(EXERCISE INSTRUCTIONS) Write out exactly the lines of the entries below, from the first through the line containing "frame((0.0, 0.0, 35.0)))", and nothing beyond them.

(GIVEN ENTRIES)
# # #

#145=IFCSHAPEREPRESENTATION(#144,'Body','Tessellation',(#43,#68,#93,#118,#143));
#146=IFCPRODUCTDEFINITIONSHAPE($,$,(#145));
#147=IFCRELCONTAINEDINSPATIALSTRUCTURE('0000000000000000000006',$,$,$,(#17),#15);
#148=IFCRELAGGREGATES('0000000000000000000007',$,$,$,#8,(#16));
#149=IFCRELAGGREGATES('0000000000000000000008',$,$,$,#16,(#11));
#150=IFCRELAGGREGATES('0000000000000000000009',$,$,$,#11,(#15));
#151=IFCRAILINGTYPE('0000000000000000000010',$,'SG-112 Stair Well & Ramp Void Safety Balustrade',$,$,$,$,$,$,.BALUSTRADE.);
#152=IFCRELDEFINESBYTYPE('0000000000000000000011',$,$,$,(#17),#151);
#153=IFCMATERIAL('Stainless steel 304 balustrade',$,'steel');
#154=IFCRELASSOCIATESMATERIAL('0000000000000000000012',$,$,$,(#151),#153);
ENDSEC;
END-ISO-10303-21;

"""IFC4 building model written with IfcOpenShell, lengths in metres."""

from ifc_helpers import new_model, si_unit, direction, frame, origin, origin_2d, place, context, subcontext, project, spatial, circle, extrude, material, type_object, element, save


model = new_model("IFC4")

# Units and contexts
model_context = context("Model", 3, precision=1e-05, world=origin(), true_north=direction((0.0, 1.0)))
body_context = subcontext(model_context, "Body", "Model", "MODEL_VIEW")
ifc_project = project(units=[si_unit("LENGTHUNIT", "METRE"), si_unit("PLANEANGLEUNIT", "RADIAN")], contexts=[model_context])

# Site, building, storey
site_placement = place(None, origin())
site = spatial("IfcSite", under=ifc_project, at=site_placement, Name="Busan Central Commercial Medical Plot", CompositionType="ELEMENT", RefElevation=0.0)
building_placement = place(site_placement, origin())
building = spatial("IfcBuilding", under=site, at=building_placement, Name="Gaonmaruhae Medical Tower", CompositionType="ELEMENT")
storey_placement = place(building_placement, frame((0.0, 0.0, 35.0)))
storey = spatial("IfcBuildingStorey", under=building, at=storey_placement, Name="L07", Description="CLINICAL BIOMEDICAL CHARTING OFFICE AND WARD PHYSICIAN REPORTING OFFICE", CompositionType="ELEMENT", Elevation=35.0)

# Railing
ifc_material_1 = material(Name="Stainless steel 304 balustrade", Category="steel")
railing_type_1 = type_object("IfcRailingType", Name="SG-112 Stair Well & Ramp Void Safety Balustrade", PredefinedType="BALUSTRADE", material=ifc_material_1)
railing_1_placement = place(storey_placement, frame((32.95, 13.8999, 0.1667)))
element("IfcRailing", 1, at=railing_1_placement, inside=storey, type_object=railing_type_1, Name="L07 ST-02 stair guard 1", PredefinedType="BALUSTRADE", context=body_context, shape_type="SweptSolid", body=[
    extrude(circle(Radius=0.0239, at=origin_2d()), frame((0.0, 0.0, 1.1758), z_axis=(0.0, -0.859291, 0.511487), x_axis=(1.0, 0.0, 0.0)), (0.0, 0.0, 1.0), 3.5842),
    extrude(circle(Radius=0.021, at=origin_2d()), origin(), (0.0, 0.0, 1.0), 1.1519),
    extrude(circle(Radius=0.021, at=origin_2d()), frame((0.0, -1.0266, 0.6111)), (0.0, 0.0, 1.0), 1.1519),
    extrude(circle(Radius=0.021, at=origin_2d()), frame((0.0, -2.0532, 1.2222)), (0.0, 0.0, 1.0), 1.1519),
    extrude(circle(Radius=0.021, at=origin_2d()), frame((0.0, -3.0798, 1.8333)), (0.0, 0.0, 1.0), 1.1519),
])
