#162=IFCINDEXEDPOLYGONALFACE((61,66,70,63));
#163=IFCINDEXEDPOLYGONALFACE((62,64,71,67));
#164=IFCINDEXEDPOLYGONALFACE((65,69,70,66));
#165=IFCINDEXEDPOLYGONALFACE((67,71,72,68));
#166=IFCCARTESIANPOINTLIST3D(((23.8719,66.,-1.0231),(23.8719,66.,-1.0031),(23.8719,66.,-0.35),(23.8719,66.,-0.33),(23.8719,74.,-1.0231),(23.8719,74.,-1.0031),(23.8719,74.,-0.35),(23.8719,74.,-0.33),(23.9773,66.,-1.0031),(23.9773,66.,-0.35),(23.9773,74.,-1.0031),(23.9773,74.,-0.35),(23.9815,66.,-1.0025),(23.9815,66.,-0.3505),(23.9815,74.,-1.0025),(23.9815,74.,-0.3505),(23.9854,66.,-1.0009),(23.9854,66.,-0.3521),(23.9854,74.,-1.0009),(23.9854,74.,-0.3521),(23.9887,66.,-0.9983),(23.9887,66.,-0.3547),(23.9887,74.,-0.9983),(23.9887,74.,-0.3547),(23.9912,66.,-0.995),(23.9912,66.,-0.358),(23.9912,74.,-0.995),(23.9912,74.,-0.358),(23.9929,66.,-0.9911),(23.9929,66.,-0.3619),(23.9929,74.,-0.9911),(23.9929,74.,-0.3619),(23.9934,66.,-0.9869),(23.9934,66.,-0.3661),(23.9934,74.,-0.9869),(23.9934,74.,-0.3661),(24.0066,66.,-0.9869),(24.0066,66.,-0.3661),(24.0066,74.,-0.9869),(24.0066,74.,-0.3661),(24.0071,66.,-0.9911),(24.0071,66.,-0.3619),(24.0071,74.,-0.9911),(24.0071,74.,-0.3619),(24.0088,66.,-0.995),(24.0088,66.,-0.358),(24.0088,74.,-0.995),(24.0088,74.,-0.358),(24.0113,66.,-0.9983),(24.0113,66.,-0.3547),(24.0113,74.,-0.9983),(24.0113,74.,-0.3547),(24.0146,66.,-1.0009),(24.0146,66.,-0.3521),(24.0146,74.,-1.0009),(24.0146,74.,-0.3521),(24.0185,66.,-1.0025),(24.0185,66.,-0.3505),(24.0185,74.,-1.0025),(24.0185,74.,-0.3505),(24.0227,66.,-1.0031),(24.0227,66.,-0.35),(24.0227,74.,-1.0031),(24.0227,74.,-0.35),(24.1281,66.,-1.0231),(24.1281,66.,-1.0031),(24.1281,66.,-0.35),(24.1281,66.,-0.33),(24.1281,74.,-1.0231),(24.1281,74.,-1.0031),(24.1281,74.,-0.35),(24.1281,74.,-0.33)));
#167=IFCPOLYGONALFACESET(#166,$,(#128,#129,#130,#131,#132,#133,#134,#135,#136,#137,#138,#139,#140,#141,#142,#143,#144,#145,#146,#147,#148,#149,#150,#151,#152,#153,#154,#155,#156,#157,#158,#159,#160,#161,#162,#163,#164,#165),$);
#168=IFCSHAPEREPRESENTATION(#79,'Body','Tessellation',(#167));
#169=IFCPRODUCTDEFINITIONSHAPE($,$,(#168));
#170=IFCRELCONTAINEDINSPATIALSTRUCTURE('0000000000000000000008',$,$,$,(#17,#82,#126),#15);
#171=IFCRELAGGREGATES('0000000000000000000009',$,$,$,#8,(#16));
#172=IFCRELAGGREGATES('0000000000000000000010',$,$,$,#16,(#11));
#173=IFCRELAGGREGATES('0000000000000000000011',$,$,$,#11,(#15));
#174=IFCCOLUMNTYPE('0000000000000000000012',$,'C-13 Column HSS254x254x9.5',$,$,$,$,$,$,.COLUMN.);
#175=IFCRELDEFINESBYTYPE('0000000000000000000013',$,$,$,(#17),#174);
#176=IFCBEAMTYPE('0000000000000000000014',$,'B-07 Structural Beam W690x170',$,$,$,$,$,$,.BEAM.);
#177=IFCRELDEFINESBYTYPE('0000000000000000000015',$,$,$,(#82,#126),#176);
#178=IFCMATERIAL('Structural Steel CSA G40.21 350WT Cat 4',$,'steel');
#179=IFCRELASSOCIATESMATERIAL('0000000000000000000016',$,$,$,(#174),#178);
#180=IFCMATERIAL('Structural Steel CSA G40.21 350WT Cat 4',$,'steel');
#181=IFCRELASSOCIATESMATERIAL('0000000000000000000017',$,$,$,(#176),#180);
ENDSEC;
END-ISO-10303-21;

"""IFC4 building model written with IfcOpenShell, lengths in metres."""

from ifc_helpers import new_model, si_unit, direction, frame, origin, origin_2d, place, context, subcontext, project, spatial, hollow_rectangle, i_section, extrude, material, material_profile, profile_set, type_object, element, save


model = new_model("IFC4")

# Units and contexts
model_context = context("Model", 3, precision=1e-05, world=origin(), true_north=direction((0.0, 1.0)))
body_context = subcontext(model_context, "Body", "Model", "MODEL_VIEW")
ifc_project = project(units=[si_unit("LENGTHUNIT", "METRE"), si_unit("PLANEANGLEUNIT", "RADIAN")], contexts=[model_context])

# # #

(RESULT FOR THIS TASK)
#145=IFCSHAPEREPRESENTATION(#144,'Body','Tessellation',(#43,#68,#93,#118,#143));
#146=IFCPRODUCTDEFINITIONSHAPE($,$,(#145));
#147=IFCRELCONTAINEDINSPATIALSTRUCTURE('0000000000000000000006',$,$,$,(#17),#15);
#148=IFCRELAGGREGATES('0000000000000000000007',$,$,$,#8,(#16));
#149=IFCRELAGGREGATES('0000000000000000000008',$,$,$,#16,(#11));
#150=IFCRELAGGREGATES('0000000000000000000009',$,$,$,#11,(#15));
#151=IFCRAILINGTYPE('0000000000000000000010',$,'SG-112 Stair Well & Ramp Void Safety Balustrade',$,$,$,$,$,$,.BALUSTRADE.);
#152=IFCRELDEFINESBYTYPE('0000000000000000000011',$,$,$,(#17),#151);
#153=IFCMATERIAL('Stainless steel 304 balustrade',$,'steel');
#154=IFCRELASSOCIATESMATERIAL('0000000000000000000012',$,$,$,(#151),#153);
ENDSEC;
END-ISO-10303-21;

"""IFC4 building model written with IfcOpenShell, lengths in metres."""

from ifc_helpers import new_model, si_unit, direction, frame, origin, origin_2d, place, context, subcontext, project, spatial, circle, extrude, material, type_object, element, save


model = new_model("IFC4")

# Units and contexts
model_context = context("Model", 3, precision=1e-05, world=origin(), true_north=direction((0.0, 1.0)))
body_context = subcontext(model_context, "Body", "Model", "MODEL_VIEW")
ifc_project = project(units=[si_unit("LENGTHUNIT", "METRE"), si_unit("PLANEANGLEUNIT", "RADIAN")], contexts=[model_context])

# Site, building, storey
site_placement = place(None, origin())
site = spatial("IfcSite", under=ifc_project, at=site_placement, Name="Busan Central Commercial Medical Plot", CompositionType="ELEMENT", RefElevation=0.0)
building_placement = place(site_placement, origin())
building = spatial("IfcBuilding", under=site, at=building_placement, Name="Gaonmaruhae Medical Tower", CompositionType="ELEMENT")
storey_placement = place(building_placement, frame((0.0, 0.0, 35.0)))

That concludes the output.